**What the exercise asks**
Take the lines below from the first through the one that contains "#102=IFCINDEXEDPOLYGONALFACE((1,13,14,2));" and copy them exactly.
═══ Exercise data ═══
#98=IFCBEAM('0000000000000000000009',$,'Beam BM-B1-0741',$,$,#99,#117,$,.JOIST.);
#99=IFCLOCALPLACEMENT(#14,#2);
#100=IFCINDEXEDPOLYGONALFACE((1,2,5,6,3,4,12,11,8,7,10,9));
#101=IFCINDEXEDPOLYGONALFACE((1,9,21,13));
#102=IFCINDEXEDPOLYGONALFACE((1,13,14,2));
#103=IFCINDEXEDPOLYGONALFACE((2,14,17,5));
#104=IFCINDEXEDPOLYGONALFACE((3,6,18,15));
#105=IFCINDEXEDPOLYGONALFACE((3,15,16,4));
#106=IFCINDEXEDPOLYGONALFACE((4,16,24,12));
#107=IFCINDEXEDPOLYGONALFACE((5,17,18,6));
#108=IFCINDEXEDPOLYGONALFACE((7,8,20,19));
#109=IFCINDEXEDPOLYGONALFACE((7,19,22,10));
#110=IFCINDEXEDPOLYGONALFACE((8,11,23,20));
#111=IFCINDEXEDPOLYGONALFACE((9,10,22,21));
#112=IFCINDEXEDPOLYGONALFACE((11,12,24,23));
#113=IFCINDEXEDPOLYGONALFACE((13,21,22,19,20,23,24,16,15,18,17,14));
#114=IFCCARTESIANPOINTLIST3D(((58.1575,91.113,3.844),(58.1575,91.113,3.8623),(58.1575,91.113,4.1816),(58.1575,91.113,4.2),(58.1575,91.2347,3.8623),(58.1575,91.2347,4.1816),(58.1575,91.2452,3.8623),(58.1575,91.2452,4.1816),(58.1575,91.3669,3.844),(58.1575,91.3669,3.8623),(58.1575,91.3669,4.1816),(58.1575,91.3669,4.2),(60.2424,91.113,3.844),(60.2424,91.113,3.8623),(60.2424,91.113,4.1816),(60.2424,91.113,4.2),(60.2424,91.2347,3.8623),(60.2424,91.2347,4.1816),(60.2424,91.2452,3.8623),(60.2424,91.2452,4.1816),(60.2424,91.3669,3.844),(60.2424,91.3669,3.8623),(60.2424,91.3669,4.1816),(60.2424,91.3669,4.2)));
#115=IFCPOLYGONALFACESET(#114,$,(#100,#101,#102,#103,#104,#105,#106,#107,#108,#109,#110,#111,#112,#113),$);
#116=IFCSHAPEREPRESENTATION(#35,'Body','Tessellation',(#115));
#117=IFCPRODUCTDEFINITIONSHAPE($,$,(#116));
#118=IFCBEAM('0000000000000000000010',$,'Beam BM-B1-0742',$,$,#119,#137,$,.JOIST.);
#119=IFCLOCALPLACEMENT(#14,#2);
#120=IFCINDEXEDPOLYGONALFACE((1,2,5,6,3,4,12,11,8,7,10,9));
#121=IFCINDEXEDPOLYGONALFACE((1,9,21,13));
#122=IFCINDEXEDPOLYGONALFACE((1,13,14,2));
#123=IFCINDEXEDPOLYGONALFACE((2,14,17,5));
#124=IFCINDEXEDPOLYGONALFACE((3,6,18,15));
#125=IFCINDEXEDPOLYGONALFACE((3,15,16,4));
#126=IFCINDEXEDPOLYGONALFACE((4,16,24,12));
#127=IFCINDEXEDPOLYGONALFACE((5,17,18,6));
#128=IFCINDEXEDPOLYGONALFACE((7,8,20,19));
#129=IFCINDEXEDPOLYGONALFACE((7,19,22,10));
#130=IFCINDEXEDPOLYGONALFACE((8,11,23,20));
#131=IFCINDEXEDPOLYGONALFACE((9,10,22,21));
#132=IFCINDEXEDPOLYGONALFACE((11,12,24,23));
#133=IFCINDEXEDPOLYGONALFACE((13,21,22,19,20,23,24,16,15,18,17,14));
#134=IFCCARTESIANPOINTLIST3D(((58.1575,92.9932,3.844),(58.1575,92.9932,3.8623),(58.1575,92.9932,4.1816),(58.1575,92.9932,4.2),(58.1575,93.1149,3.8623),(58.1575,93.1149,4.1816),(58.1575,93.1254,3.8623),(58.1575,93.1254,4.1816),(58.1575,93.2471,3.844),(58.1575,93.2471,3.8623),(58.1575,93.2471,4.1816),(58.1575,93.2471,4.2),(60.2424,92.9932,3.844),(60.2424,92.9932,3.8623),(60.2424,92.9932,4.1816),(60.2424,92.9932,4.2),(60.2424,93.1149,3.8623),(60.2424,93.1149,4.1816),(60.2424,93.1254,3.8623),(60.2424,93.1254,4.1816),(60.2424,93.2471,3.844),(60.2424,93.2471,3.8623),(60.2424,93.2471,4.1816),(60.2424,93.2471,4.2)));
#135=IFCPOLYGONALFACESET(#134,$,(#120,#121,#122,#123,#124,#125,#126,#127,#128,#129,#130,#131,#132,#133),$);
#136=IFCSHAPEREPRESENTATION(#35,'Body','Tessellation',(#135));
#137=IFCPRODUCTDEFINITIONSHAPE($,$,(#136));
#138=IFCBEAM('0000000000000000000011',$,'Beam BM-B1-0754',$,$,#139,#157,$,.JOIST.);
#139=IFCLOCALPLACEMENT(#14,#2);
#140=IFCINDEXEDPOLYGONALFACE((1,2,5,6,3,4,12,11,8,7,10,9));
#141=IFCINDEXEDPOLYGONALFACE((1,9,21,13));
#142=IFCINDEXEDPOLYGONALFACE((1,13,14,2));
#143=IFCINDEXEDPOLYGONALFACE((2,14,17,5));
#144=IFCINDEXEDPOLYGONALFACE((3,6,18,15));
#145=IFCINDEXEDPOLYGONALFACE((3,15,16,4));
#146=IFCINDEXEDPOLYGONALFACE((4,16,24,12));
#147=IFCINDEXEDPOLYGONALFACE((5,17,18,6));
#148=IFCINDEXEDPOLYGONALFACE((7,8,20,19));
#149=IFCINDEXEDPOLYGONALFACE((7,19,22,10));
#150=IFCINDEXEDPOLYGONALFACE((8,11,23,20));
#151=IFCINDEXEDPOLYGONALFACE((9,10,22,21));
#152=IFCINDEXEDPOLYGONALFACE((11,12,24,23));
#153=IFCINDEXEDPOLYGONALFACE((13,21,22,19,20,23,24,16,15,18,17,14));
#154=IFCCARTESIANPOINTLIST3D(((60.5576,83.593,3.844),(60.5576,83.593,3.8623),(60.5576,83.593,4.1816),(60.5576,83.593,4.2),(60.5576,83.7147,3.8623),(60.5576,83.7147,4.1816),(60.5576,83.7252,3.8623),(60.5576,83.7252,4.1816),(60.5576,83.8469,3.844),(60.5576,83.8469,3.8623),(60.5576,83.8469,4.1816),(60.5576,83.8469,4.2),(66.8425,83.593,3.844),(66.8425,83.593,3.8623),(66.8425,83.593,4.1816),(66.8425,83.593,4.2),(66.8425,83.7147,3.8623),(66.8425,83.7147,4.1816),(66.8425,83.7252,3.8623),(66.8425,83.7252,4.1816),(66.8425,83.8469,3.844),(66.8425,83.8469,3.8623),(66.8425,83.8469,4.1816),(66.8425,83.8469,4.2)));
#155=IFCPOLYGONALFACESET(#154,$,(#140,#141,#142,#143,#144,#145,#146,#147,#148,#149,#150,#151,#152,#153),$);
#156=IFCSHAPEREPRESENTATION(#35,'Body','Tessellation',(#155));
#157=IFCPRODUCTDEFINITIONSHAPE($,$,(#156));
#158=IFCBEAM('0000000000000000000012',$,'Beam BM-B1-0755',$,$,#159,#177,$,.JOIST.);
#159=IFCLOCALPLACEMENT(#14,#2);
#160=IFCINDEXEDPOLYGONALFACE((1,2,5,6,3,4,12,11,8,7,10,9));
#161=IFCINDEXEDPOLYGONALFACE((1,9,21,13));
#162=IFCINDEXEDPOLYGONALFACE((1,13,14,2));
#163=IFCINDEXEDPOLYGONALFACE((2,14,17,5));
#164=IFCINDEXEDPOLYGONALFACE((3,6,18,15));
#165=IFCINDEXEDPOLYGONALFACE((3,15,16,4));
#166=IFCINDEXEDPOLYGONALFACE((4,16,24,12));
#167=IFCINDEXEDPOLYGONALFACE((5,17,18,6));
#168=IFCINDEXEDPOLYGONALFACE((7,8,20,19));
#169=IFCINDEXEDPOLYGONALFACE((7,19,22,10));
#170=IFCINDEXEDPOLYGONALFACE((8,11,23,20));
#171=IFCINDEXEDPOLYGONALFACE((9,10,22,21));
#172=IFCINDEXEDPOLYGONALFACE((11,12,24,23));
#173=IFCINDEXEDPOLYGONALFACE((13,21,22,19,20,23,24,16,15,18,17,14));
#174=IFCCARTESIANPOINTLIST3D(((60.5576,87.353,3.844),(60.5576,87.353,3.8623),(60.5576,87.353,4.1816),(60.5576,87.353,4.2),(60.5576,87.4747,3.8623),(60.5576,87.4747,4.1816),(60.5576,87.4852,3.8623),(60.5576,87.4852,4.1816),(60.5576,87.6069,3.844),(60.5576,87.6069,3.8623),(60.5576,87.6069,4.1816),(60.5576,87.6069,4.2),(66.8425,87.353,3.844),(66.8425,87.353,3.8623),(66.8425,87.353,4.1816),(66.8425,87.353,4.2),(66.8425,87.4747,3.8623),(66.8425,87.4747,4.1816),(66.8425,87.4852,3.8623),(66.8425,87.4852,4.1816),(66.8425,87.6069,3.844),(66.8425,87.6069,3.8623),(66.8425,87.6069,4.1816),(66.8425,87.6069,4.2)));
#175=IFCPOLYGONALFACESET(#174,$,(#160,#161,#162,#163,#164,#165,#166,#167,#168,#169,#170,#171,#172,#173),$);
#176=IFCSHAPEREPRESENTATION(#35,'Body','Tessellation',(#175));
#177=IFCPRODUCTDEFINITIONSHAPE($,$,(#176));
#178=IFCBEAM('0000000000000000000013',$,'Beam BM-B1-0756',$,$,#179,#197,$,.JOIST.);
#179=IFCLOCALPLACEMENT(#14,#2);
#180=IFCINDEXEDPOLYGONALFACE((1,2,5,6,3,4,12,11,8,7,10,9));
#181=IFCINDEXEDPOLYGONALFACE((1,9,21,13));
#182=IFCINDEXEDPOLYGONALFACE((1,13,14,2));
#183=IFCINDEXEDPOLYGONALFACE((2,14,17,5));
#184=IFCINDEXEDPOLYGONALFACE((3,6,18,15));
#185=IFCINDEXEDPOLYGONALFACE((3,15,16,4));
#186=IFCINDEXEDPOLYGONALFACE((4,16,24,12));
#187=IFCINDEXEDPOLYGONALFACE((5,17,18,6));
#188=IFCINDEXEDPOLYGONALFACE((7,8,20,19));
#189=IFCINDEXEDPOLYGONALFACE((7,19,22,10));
═══
**Reply**
#98=IFCBEAM('0000000000000000000009',$,'Beam BM-B1-0741',$,$,#99,#117,$,.JOIST.);
#99=IFCLOCALPLACEMENT(#14,#2);
#100=IFCINDEXEDPOLYGONALFACE((1,2,5,6,3,4,12,11,8,7,10,9));
#101=IFCINDEXEDPOLYGONALFACE((1,9,21,13));
#102=IFCINDEXEDPOLYGONALFACE((1,13,14,2));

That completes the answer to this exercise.